**Stored items**.
----

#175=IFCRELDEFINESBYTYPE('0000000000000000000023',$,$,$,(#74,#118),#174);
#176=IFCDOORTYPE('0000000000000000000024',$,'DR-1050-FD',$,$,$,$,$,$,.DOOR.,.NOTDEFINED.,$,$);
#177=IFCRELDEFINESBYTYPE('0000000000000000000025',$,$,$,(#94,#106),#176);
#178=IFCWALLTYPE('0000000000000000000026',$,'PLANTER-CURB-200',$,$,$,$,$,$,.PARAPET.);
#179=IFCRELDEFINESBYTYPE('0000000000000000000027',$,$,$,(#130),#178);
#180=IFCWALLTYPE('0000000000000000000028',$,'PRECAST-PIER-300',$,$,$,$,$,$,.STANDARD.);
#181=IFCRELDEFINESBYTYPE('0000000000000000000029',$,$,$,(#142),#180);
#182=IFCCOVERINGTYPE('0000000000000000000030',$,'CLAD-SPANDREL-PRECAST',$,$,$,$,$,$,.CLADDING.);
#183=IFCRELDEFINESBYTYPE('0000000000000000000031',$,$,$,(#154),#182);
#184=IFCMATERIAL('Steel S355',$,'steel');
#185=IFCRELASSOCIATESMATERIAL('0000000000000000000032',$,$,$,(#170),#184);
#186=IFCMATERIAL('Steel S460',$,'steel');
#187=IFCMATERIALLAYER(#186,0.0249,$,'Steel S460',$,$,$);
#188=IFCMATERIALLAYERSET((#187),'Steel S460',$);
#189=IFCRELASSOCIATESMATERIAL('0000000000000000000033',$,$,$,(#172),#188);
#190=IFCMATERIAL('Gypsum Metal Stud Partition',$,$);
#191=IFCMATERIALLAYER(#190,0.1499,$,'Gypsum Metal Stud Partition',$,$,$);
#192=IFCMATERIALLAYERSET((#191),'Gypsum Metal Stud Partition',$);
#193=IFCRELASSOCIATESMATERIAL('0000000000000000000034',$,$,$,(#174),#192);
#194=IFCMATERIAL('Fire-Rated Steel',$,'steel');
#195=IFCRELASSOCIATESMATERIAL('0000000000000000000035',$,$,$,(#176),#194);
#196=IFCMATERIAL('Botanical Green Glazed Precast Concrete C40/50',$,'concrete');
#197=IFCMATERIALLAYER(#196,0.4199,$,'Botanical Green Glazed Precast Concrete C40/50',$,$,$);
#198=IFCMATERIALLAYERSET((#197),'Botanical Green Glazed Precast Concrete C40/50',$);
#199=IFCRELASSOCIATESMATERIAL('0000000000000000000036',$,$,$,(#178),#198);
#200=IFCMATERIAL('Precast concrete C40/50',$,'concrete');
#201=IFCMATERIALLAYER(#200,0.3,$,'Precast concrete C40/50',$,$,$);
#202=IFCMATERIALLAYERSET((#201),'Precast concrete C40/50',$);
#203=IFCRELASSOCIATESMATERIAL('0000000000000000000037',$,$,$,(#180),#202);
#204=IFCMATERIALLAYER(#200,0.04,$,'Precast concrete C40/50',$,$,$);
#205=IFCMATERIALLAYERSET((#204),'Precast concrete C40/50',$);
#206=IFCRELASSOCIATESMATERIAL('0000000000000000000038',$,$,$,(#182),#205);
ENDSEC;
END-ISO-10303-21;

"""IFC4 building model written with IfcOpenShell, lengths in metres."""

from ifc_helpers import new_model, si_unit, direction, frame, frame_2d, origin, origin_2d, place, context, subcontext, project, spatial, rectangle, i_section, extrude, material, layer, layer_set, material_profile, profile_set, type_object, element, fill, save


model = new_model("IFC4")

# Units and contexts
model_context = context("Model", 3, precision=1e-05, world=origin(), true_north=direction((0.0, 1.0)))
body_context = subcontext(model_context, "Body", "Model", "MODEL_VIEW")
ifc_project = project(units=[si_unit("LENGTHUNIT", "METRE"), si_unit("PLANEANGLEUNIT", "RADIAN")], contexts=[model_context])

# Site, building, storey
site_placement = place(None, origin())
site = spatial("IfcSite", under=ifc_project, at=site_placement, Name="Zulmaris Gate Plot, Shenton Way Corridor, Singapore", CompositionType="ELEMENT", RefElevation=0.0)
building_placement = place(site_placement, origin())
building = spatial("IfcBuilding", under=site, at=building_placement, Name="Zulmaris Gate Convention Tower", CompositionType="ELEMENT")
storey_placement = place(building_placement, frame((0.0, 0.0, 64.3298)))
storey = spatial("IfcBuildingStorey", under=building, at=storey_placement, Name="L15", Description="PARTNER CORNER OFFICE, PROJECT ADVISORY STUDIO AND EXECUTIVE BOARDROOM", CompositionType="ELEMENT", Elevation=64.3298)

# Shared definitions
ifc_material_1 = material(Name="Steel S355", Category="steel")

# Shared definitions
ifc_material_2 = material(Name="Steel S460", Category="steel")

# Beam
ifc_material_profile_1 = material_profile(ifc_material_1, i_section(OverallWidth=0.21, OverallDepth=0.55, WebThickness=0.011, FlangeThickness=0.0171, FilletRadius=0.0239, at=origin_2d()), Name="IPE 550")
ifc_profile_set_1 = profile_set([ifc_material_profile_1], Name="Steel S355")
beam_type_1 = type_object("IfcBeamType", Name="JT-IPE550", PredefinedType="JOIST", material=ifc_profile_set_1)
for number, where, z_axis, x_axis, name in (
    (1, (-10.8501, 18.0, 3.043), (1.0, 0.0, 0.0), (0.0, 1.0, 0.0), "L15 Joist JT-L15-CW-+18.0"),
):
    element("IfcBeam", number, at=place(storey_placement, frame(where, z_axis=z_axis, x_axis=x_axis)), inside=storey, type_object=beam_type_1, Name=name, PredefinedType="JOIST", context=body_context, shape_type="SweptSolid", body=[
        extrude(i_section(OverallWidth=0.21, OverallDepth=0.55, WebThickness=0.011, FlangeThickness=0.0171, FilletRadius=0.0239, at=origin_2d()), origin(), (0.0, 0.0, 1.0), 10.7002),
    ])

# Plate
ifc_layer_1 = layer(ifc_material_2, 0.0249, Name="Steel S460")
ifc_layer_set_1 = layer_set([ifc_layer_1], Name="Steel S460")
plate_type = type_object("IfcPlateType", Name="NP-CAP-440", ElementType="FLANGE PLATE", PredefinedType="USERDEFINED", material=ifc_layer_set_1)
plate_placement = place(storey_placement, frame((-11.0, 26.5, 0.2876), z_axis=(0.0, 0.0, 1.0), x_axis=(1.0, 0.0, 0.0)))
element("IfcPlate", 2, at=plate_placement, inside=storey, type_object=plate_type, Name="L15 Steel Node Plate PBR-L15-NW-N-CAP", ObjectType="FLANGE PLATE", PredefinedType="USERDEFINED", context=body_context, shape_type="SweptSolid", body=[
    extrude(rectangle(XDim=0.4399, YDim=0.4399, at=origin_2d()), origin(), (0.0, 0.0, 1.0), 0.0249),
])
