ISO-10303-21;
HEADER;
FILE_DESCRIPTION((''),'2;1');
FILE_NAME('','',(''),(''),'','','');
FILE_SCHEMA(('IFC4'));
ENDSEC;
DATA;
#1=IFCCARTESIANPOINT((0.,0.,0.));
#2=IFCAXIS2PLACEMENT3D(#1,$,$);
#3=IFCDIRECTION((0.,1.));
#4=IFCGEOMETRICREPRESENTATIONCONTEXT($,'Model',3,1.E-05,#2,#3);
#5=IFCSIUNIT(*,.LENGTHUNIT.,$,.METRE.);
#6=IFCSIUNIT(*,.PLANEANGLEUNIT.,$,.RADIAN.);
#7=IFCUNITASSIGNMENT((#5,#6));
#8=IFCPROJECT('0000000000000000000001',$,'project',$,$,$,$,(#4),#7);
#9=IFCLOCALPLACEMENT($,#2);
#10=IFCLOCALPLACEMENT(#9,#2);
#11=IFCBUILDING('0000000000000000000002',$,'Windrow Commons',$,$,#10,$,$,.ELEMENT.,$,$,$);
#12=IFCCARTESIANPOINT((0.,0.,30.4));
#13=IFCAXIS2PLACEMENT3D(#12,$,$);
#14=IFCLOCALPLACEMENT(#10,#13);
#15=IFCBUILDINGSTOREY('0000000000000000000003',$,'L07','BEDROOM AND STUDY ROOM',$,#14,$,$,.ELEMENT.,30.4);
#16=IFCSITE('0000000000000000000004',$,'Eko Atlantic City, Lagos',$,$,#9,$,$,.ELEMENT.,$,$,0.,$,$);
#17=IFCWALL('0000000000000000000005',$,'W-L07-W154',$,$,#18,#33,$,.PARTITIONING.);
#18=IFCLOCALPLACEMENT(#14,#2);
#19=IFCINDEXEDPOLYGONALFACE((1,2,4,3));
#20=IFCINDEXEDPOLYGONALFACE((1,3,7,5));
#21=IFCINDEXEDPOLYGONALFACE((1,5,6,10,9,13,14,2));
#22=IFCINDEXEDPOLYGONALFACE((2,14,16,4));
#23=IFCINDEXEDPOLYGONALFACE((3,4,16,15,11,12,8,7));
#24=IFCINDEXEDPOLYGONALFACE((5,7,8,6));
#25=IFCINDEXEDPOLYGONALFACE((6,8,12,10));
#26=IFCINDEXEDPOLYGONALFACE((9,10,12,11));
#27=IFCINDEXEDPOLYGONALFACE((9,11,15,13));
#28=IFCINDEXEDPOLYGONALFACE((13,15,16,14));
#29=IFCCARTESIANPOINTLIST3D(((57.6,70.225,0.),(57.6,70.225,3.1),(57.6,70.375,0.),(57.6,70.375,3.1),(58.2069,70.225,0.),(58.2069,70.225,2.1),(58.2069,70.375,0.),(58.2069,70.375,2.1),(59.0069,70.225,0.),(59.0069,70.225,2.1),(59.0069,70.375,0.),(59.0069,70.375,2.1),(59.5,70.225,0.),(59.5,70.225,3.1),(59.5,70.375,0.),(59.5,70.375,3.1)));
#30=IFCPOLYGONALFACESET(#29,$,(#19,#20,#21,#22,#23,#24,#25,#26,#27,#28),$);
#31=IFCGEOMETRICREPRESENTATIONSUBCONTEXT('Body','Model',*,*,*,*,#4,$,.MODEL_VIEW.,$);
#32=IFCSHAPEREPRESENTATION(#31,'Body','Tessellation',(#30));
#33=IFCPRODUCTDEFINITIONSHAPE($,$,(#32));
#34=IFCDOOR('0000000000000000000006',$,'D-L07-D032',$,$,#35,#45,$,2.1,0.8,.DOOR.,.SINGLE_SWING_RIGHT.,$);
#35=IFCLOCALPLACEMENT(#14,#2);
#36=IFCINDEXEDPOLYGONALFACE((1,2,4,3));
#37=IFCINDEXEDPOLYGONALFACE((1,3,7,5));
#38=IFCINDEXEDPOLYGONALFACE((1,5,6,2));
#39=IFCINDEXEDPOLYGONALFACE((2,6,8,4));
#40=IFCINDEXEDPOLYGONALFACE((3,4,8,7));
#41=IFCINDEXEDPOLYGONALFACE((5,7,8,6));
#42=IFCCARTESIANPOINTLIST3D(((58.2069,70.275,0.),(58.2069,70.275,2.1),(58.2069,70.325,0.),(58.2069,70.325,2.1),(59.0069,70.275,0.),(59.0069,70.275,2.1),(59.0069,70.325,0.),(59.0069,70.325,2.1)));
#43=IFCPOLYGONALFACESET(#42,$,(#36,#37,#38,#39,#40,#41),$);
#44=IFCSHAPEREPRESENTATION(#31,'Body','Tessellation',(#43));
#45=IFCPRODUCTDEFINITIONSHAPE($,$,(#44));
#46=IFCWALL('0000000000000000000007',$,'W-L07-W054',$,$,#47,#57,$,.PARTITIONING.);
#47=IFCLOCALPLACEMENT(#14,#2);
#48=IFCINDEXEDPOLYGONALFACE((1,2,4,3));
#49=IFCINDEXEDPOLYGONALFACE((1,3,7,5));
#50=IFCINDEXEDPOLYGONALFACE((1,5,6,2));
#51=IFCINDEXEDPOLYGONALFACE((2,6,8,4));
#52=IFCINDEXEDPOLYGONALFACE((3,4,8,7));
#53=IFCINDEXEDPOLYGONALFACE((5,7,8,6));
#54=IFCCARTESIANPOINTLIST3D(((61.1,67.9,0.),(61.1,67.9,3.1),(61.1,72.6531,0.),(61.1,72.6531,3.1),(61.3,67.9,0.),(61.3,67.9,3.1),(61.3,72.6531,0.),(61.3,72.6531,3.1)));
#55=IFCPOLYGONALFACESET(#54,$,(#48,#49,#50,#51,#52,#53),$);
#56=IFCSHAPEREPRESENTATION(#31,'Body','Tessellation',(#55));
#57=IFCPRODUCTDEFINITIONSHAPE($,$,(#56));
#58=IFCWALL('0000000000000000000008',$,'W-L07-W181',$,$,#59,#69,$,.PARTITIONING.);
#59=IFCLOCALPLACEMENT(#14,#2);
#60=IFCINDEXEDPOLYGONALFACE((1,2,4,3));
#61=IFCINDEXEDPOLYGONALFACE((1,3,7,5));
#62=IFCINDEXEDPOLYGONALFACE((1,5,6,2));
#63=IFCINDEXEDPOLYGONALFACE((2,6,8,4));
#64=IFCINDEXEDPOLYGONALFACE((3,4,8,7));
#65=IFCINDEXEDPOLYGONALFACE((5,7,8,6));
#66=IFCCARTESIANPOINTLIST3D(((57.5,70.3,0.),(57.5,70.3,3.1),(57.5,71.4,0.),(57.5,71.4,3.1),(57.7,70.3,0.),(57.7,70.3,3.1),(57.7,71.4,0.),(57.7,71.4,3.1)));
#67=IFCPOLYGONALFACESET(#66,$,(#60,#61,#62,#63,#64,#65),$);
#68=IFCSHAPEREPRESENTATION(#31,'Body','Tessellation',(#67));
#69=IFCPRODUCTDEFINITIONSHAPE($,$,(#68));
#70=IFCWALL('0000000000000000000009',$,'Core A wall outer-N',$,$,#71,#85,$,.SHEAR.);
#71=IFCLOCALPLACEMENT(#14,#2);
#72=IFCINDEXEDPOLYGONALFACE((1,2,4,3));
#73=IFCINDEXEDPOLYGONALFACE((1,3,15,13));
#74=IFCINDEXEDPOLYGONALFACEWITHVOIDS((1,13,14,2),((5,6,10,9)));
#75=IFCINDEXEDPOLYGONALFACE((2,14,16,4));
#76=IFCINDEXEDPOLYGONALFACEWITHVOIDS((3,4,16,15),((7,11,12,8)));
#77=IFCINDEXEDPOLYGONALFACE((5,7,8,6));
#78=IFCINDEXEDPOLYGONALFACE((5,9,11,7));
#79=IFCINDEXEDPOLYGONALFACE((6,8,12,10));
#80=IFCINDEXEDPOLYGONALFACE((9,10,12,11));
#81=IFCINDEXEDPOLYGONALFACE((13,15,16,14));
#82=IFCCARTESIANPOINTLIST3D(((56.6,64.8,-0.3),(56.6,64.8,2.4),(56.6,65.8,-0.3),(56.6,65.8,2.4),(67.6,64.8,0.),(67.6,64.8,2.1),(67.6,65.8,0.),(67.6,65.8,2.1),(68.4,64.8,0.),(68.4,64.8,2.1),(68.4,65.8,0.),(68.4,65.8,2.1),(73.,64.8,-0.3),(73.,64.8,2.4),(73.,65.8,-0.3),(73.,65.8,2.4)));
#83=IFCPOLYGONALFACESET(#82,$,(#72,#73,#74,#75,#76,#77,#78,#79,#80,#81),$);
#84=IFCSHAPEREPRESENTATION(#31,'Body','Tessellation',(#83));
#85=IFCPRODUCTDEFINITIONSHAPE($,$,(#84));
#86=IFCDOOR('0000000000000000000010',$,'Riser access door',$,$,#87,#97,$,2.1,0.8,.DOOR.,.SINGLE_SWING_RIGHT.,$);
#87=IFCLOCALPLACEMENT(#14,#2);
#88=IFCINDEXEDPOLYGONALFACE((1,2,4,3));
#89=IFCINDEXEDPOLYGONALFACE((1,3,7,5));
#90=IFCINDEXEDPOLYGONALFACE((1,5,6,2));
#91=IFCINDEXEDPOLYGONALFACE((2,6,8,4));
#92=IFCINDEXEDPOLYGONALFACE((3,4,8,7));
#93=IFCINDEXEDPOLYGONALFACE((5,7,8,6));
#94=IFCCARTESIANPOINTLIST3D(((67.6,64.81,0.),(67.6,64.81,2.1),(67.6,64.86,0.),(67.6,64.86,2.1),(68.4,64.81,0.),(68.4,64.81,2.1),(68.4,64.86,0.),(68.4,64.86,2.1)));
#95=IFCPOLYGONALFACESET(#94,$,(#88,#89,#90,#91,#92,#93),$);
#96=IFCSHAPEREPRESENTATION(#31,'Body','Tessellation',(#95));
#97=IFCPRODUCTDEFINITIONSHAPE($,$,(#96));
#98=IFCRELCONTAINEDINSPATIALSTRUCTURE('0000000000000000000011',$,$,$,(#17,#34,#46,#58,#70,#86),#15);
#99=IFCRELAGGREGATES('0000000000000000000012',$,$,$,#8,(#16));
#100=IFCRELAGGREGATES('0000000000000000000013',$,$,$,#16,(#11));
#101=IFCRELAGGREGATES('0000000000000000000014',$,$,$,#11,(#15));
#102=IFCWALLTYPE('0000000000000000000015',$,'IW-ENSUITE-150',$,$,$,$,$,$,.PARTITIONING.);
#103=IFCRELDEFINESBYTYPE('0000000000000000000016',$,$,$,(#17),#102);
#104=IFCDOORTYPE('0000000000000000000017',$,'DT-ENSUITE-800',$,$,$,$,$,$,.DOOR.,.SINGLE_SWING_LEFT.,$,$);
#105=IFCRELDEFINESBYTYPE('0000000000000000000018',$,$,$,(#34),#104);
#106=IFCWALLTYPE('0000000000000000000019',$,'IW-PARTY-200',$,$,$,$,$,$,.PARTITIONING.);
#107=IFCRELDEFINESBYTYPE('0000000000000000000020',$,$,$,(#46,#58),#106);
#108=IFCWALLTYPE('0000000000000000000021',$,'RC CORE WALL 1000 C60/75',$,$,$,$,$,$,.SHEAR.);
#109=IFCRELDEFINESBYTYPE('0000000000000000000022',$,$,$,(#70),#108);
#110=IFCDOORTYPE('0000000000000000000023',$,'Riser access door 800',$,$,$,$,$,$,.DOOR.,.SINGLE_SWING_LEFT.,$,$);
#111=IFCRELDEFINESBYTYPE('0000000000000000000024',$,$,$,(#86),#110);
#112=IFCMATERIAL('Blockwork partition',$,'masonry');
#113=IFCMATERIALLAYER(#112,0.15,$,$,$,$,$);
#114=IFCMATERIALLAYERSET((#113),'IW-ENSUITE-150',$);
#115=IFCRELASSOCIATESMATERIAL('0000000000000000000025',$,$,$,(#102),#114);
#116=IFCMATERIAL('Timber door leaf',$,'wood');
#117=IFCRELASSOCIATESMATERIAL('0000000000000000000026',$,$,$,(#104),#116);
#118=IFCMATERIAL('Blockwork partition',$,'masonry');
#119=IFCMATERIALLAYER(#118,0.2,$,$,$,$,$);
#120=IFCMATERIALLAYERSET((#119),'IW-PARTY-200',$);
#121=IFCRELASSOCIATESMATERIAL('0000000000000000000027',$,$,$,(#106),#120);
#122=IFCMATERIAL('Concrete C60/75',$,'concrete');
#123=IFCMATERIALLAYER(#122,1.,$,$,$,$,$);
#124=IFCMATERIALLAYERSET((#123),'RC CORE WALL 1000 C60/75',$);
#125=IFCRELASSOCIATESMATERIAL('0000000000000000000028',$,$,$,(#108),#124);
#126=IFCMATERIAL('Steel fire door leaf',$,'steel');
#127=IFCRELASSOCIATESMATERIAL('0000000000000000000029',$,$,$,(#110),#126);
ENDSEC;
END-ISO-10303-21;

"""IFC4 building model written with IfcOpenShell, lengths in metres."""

from ifc_helpers import new_model, si_unit, direction, frame, frame_2d, origin, place, context, subcontext, project, spatial, rectangle, extrude, material, layer, layer_set, type_object, element, fill, save


model = new_model("IFC4")

# Units and contexts
model_context = context("Model", 3, precision=1e-05, world=origin(), true_north=direction((0.0, 1.0)))
body_context = subcontext(model_context, "Body", "Model", "MODEL_VIEW")
ifc_project = project(units=[si_unit("LENGTHUNIT", "METRE"), si_unit("PLANEANGLEUNIT", "RADIAN")], contexts=[model_context])

# Site, building, storey
site_placement = place(None, origin())
site = spatial("IfcSite", under=ifc_project, at=site_placement, Name="Eko Atlantic City, Lagos", CompositionType="ELEMENT", RefElevation=0.0)
building_placement = place(site_placement, origin())
building = spatial("IfcBuilding", under=site, at=building_placement, Name="Windrow Commons", CompositionType="ELEMENT")
storey_placement = place(building_placement, frame((0.0, 0.0, 30.4)))
storey = spatial("IfcBuildingStorey", under=building, at=storey_placement, Name="L07", Description="BEDROOM AND STUDY ROOM", CompositionType="ELEMENT", Elevation=30.4)

# Shared definitions
ifc_material_1 = material(Name="Blockwork partition", Category="masonry")
ifc_layer_1 = layer(ifc_material_1, 0.15)
ifc_layer_set_1 = layer_set([ifc_layer_1], Name="IW-ENSUITE-150")
wall_type_1 = type_object("IfcWallType", Name="IW-ENSUITE-150", PredefinedType="PARTITIONING", material=ifc_layer_set_1)

# Wall, opening, door
wall_1_placement = place(storey_placement, frame((57.6, 70.3, 0.0), z_axis=(0.0, 0.0, 1.0), x_axis=(1.0, 0.0, 0.0)))
wall_1 = element("IfcWall", 1, at=wall_1_placement, inside=storey, type_object=wall_type_1, Name="W-L07-W154", PredefinedType="PARTITIONING", context=body_context, shape_type="SweptSolid", body=[
    extrude(rectangle(XDim=1.9, YDim=0.15, at=frame_2d((0.95, 0.0))), origin(), (0.0, 0.0, 1.0), 3.1),
])
opening_1_placement = place(wall_1_placement, frame((0.6069, 0.0, 0.0)))
opening_1 = element("IfcOpeningElement", 2, at=opening_1_placement, cuts=wall_1, PredefinedType="OPENING", context=body_context, shape_type="SweptSolid", body=[
    extrude(rectangle(XDim=0.8, YDim=2.1, at=frame_2d((0.4, 1.05))), frame((0.0, 0.085, 0.0), z_axis=(0.0, -1.0, 0.0), x_axis=(1.0, 0.0, 0.0)), (0.0, 0.0, 1.0), 0.17),
])
ifc_material_2 = material(Name="Timber door leaf", Category="wood")
door_type_1 = type_object("IfcDoorType", Name="DT-ENSUITE-800", OperationType="SINGLE_SWING_LEFT", PredefinedType="DOOR", material=ifc_material_2)
door_1_placement = place(opening_1_placement, origin())
door_1 = element("IfcDoor", 3, at=door_1_placement, inside=storey, type_object=door_type_1, Name="D-L07-D032", OperationType="SINGLE_SWING_RIGHT", OverallHeight=2.1, OverallWidth=0.8, PredefinedType="DOOR", context=body_context, shape_type="SweptSolid", body=[
    extrude(rectangle(XDim=0.8, YDim=2.1, at=frame_2d((0.4, 1.05))), frame((0.0, 0.025, 0.0), z_axis=(0.0, -1.0, 0.0), x_axis=(1.0, 0.0, 0.0)), (0.0, 0.0, 1.0), 0.05),
])
fill(opening_1, door_1)

# Walls
ifc_material_3 = material(Name="Blockwork partition", Category="masonry")
ifc_layer_2 = layer(ifc_material_3, 0.2)
ifc_layer_set_2 = layer_set([ifc_layer_2], Name="IW-PARTY-200")
wall_type_2 = type_object("IfcWallType", Name="IW-PARTY-200", PredefinedType="PARTITIONING", material=ifc_layer_set_2)
wall_2_placement = place(storey_placement, frame((61.2, 67.9, 0.0), z_axis=(0.0, 0.0, 1.0), x_axis=(0.0, 1.0, 0.0)))
element("IfcWall", 4, at=wall_2_placement, inside=storey, type_object=wall_type_2, Name="W-L07-W054", PredefinedType="PARTITIONING", context=body_context, shape_type="SweptSolid", body=[
    extrude(rectangle(XDim=4.7531, YDim=0.2, at=frame_2d((2.3765, 0.0))), origin(), (0.0, 0.0, 1.0), 3.1),
])
wall_3_placement = place(storey_placement, frame((57.6, 70.3, 0.0), z_axis=(0.0, 0.0, 1.0), x_axis=(0.0, 1.0, 0.0)))
element("IfcWall", 5, at=wall_3_placement, inside=storey, type_object=wall_type_2, Name="W-L07-W181", PredefinedType="PARTITIONING", context=body_context, shape_type="SweptSolid", body=[
    extrude(rectangle(XDim=1.1, YDim=0.2, at=frame_2d((0.55, 0.0))), origin(), (0.0, 0.0, 1.0), 3.1),
])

----

**Exercise aim**.
Give the lines again, exactly as they stand, from the beginning of the data through the line with "#188=IFCMATERIALLAYERSET((#187),'Steel S460',$);".

**Answer for the task**.
#175=IFCRELDEFINESBYTYPE('0000000000000000000023',$,$,$,(#74,#118),#174);
#176=IFCDOORTYPE('0000000000000000000024',$,'DR-1050-FD',$,$,$,$,$,$,.DOOR.,.NOTDEFINED.,$,$);
#177=IFCRELDEFINESBYTYPE('0000000000000000000025',$,$,$,(#94,#106),#176);
#178=IFCWALLTYPE('0000000000000000000026',$,'PLANTER-CURB-200',$,$,$,$,$,$,.PARAPET.);
#179=IFCRELDEFINESBYTYPE('0000000000000000000027',$,$,$,(#130),#178);
#180=IFCWALLTYPE('0000000000000000000028',$,'PRECAST-PIER-300',$,$,$,$,$,$,.STANDARD.);
#181=IFCRELDEFINESBYTYPE('0000000000000000000029',$,$,$,(#142),#180);
#182=IFCCOVERINGTYPE('0000000000000000000030',$,'CLAD-SPANDREL-PRECAST',$,$,$,$,$,$,.CLADDING.);
#183=IFCRELDEFINESBYTYPE('0000000000000000000031',$,$,$,(#154),#182);
#184=IFCMATERIAL('Steel S355',$,'steel');
#185=IFCRELASSOCIATESMATERIAL('0000000000000000000032',$,$,$,(#170),#184);
#186=IFCMATERIAL('Steel S460',$,'steel');
#187=IFCMATERIALLAYER(#186,0.0249,$,'Steel S460',$,$,$);
#188=IFCMATERIALLAYERSET((#187),'Steel S460',$);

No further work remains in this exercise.